WORK ORDER -
Transcribe word for word the lines below from the line with "#4=IFCGEOMETRICREPRESENTATIONCONTEXT($,'Model',3,1.E-05,#2,#3);" through the line with "#10=IFCLOCALPLACEMENT(#9,#2);", ends included.

(PROVIDED RECORDS)

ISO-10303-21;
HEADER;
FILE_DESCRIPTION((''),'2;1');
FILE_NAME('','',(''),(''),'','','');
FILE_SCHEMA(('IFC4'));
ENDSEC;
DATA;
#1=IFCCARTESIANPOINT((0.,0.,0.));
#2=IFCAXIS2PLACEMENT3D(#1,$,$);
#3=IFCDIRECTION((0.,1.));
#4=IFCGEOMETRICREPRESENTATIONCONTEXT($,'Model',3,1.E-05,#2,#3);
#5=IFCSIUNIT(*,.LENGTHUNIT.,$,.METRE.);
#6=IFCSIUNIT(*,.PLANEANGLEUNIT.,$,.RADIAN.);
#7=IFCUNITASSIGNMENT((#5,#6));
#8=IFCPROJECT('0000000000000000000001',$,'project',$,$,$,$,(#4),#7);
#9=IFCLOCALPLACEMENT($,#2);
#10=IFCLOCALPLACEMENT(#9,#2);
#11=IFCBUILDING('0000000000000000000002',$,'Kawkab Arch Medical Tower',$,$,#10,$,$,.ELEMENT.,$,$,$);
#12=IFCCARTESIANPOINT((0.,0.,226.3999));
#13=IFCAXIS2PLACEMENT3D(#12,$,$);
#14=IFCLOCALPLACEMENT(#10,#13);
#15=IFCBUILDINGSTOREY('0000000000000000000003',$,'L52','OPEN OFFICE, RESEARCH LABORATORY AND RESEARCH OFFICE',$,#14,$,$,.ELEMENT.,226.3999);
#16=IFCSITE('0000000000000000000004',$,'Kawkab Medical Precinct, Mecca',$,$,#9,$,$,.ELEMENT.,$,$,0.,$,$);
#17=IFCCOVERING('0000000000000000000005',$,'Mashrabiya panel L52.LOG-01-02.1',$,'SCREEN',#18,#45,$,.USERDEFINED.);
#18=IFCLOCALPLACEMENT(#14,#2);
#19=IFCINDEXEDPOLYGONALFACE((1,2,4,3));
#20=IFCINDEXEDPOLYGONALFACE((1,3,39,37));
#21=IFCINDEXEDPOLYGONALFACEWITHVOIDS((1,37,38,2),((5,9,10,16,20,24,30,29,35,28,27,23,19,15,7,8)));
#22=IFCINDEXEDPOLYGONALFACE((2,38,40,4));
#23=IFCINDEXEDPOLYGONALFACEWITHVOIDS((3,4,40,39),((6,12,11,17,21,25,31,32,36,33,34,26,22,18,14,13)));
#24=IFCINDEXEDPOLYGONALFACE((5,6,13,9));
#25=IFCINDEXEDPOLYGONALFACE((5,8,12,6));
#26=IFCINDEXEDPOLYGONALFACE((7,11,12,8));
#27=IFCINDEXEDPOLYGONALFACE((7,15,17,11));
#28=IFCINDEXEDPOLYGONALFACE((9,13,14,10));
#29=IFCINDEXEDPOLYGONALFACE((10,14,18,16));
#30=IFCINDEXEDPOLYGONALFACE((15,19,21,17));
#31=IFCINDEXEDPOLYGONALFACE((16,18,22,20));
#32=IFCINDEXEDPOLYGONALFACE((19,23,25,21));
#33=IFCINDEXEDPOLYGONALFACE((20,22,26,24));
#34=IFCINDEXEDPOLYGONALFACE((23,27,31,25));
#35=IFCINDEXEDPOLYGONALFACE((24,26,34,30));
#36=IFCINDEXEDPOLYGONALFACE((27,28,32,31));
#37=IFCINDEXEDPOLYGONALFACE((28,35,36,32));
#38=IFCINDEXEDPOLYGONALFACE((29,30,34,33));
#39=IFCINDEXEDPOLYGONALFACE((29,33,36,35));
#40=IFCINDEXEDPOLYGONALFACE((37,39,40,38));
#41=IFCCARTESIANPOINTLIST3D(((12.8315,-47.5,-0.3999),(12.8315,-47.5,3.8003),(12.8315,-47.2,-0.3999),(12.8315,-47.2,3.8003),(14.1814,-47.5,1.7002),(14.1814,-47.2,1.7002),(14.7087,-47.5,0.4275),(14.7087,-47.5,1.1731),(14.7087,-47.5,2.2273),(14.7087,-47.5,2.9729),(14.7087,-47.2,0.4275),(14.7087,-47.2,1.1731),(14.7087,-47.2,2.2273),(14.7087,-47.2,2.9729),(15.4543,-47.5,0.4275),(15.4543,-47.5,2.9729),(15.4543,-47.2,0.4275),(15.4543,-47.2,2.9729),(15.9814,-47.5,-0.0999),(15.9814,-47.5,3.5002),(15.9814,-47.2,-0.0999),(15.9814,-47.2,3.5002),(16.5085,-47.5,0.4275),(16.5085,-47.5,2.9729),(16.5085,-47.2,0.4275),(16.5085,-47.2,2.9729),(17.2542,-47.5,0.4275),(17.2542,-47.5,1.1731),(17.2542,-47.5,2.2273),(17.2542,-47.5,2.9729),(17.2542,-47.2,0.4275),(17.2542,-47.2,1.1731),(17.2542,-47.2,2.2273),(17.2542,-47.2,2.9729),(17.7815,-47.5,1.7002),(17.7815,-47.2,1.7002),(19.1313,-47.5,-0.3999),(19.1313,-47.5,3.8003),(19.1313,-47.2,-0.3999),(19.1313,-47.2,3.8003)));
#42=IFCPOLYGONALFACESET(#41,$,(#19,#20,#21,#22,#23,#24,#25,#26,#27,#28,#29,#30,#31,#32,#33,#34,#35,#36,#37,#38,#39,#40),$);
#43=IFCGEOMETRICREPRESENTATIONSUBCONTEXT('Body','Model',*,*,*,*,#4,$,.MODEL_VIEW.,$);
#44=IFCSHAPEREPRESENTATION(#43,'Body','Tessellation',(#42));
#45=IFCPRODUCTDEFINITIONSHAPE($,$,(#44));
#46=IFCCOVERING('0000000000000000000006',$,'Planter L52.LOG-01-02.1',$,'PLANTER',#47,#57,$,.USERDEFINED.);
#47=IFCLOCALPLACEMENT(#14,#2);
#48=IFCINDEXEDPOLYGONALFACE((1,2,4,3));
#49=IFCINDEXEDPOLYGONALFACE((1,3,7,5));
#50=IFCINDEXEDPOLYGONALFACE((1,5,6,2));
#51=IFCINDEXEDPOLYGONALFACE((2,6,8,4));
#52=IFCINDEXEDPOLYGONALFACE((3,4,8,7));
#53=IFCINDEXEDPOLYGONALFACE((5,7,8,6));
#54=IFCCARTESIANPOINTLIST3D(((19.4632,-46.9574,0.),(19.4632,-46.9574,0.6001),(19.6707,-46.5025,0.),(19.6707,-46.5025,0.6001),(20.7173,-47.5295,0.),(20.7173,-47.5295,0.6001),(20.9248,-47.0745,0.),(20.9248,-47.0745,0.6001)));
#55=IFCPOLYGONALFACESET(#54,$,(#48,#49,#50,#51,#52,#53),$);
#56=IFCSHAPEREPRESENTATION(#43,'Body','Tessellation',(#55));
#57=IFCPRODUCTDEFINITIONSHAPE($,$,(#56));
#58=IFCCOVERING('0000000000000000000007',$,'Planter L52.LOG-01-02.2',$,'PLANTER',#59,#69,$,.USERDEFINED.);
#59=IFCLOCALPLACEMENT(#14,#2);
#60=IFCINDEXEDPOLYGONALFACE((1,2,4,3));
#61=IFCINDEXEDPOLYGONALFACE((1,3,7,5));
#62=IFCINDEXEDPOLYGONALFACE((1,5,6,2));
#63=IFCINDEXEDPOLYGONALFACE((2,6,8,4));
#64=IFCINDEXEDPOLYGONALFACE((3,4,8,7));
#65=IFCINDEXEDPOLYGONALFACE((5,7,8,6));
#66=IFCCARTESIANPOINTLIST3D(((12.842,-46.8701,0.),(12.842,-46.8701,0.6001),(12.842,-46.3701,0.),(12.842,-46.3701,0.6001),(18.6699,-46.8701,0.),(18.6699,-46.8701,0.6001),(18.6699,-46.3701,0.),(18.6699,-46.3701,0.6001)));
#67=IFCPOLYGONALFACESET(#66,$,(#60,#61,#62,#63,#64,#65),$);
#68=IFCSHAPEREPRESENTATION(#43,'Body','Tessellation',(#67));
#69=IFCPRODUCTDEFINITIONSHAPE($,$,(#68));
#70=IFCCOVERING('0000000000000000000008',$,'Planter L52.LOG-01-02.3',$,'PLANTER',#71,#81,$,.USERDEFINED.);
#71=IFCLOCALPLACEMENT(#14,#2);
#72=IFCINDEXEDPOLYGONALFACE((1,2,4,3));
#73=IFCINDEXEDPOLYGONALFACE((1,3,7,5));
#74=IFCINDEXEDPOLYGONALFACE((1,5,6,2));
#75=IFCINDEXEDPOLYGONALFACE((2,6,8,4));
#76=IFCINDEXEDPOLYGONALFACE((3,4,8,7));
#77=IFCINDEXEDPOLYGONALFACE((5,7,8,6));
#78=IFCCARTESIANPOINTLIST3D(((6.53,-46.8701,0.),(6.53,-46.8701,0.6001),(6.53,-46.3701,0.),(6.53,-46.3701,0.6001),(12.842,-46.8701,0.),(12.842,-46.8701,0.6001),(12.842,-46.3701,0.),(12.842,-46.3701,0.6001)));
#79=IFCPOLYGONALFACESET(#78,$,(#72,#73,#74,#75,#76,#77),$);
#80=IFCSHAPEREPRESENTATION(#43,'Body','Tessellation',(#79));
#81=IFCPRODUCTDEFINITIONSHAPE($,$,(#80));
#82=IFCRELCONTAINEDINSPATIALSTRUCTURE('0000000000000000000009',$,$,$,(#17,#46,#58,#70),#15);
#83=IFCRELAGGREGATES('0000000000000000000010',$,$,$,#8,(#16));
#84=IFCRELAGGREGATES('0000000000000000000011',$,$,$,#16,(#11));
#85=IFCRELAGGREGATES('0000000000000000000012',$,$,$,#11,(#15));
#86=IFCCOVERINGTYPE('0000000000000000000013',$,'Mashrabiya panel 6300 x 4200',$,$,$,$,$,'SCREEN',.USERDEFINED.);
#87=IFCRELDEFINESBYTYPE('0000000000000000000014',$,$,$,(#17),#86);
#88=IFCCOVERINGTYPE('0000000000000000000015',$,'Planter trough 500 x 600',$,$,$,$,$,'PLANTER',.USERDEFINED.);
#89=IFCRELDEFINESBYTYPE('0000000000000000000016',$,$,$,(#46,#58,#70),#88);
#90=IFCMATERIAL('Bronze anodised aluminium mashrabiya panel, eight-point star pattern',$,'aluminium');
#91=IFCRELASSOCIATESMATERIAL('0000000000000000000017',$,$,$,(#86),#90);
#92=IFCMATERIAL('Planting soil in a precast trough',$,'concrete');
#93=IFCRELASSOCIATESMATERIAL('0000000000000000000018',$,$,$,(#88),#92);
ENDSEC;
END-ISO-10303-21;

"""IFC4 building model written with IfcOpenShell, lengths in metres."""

from ifc_helpers import new_model, si_unit, direction, frame, origin, origin_2d, place, context, subcontext, project, spatial, polyline, rectangle, outline, extrude, material, material_profile, profile_set, type_object, element, save


model = new_model("IFC4")

# Units and contexts
model_context = context("Model", 3, precision=1e-05, world=origin(), true_north=direction((0.0, 1.0)))
body_context = subcontext(model_context, "Body", "Model", "MODEL_VIEW")
ifc_project = project(units=[si_unit("LENGTHUNIT", "METRE"), si_unit("PLANEANGLEUNIT", "RADIAN")], contexts=[model_context])

# Site, building, storey
site_placement = place(None, origin())
site = spatial("IfcSite", under=ifc_project, at=site_placement, Name="Kawkab Medical Precinct, Mecca", CompositionType="ELEMENT", RefElevation=0.0)
building_placement = place(site_placement, origin())
building = spatial("IfcBuilding", under=site, at=building_placement, Name="Kawkab Arch Medical Tower", CompositionType="ELEMENT")
storey_placement = place(building_placement, frame((0.0, 0.0, 226.3999)))
storey = spatial("IfcBuildingStorey", under=building, at=storey_placement, Name="L52", Description="OPEN OFFICE, RESEARCH LABORATORY AND RESEARCH OFFICE", CompositionType="ELEMENT", Elevation=226.3999)

# Coverings
ifc_material_1 = material(Name="Bronze anodised aluminium mashrabiya panel, eight-point star pattern", Category="aluminium")
ifc_material_profile_1 = material_profile(ifc_material_1, outline(polyline([(-3.1499, -2.1001), (3.1499, -2.1001), (3.1499, 2.1001), (-3.1499, 2.1001), (-3.1499, -2.1001)]), holes=[polyline([(1.8, 0.0), (1.2727, 0.5271), (1.2727, 1.2727), (0.5271, 1.2727), (0.0, 1.8), (-0.5271, 1.2727), (-1.2727, 1.2727), (-1.2727, 0.5271), (-1.8, 0.0), (-1.2727, -0.5271), (-1.2727, -1.2727), (-0.5271, -1.2727), (0.0, -1.8), (0.5271, -1.2727), (1.2727, -1.2727), (1.2727, -0.5271), (1.8, 0.0)])]), Name="Mashrabiya panel 6300x4200")
ifc_profile_set_1 = profile_set([ifc_material_profile_1], Name="Bronze anodised aluminium mashrabiya panel, eight-point star pattern")
covering_type_1 = type_object("IfcCoveringType", Name="Mashrabiya panel 6300 x 4200", ElementType="SCREEN", PredefinedType="USERDEFINED", material=ifc_profile_set_1)
covering_1_placement = place(storey_placement, frame((15.9814, -47.2, 1.7002), z_axis=(0.0, -1.0, 0.0), x_axis=(1.0, 0.0, 0.0)))
element("IfcCovering", 1, at=covering_1_placement, inside=storey, type_object=covering_type_1, Name="Mashrabiya panel L52.LOG-01-02.1", ObjectType="SCREEN", PredefinedType="USERDEFINED", context=body_context, shape_type="SweptSolid", body=[
    extrude(outline(polyline([(-3.1499, -2.1001), (3.1499, -2.1001), (3.1499, 2.1001), (-3.1499, 2.1001), (-3.1499, -2.1001)]), holes=[polyline([(1.8, 0.0), (1.2727, 0.5271), (1.2727, 1.2727), (0.5271, 1.2727), (0.0, 1.8), (-0.5271, 1.2727), (-1.2727, 1.2727), (-1.2727, 0.5271), (-1.8, 0.0), (-1.2727, -0.5271), (-1.2727, -1.2727), (-0.5271, -1.2727), (0.0, -1.8), (0.5271, -1.2727), (1.2727, -1.2727), (1.2727, -0.5271), (1.8, 0.0)])]), origin(), (0.0, 0.0, 1.0), 0.3),
])
ifc_material_2 = material(Name="Planting soil in a precast trough", Category="concrete")
ifc_material_profile_2 = material_profile(ifc_material_2, rectangle(XDim=0.5, YDim=0.6001, at=origin_2d()), Name="Trough 500x600")
ifc_profile_set_2 = profile_set([ifc_material_profile_2], Name="Planting soil in a precast trough")
covering_type_2 = type_object("IfcCoveringType", Name="Planter trough 500 x 600", ElementType="PLANTER", PredefinedType="USERDEFINED", material=ifc_profile_set_2)
covering_2_placement = place(storey_placement, frame((20.821, -47.302, 0.3), z_axis=(-0.909832, 0.414977, 0.0), x_axis=(-0.414977, -0.909832, 0.0)))
element("IfcCovering", 2, at=covering_2_placement, inside=storey, type_object=covering_type_2, Name="Planter L52.LOG-01-02.1", ObjectType="PLANTER", PredefinedType="USERDEFINED", context=body_context, shape_type="SweptSolid", body=[
    extrude(rectangle(XDim=0.5, YDim=0.6001, at=origin_2d()), origin(), (0.0, 0.0, 1.0), 1.3784),
])
covering_3_placement = place(storey_placement, frame((18.6699, -46.6201, 0.3), z_axis=(-1.0, 0.0, 0.0), x_axis=(0.0, -1.0, 0.0)))
element("IfcCovering", 3, at=covering_3_placement, inside=storey, type_object=covering_type_2, Name="Planter L52.LOG-01-02.2", ObjectType="PLANTER", PredefinedType="USERDEFINED", context=body_context, shape_type="SweptSolid", body=[
    extrude(rectangle(XDim=0.5, YDim=0.6001, at=origin_2d()), origin(), (0.0, 0.0, 1.0), 5.8279),
])
covering_4_placement = place(storey_placement, frame((12.842, -46.6201, 0.3), z_axis=(-1.0, 0.0, 0.0), x_axis=(0.0, -1.0, 0.0)))
element("IfcCovering", 4, at=covering_4_placement, inside=storey, type_object=covering_type_2, Name="Planter L52.LOG-01-02.3", ObjectType="PLANTER", PredefinedType="USERDEFINED", context=body_context, shape_type="SweptSolid", body=[
    extrude(rectangle(XDim=0.5, YDim=0.6001, at=origin_2d()), origin(), (0.0, 0.0, 1.0), 6.312),
])

save(model, "model.ifc")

(End PROVIDED RECORDS)

RESPONSE AREA -
#4=IFCGEOMETRICREPRESENTATIONCONTEXT($,'Model',3,1.E-05,#2,#3);
#5=IFCSIUNIT(*,.LENGTHUNIT.,$,.METRE.);
#6=IFCSIUNIT(*,.PLANEANGLEUNIT.,$,.RADIAN.);
#7=IFCUNITASSIGNMENT((#5,#6));
#8=IFCPROJECT('0000000000000000000001',$,'project',$,$,$,$,(#4),#7);
#9=IFCLOCALPLACEMENT($,#2);
#10=IFCLOCALPLACEMENT(#9,#2);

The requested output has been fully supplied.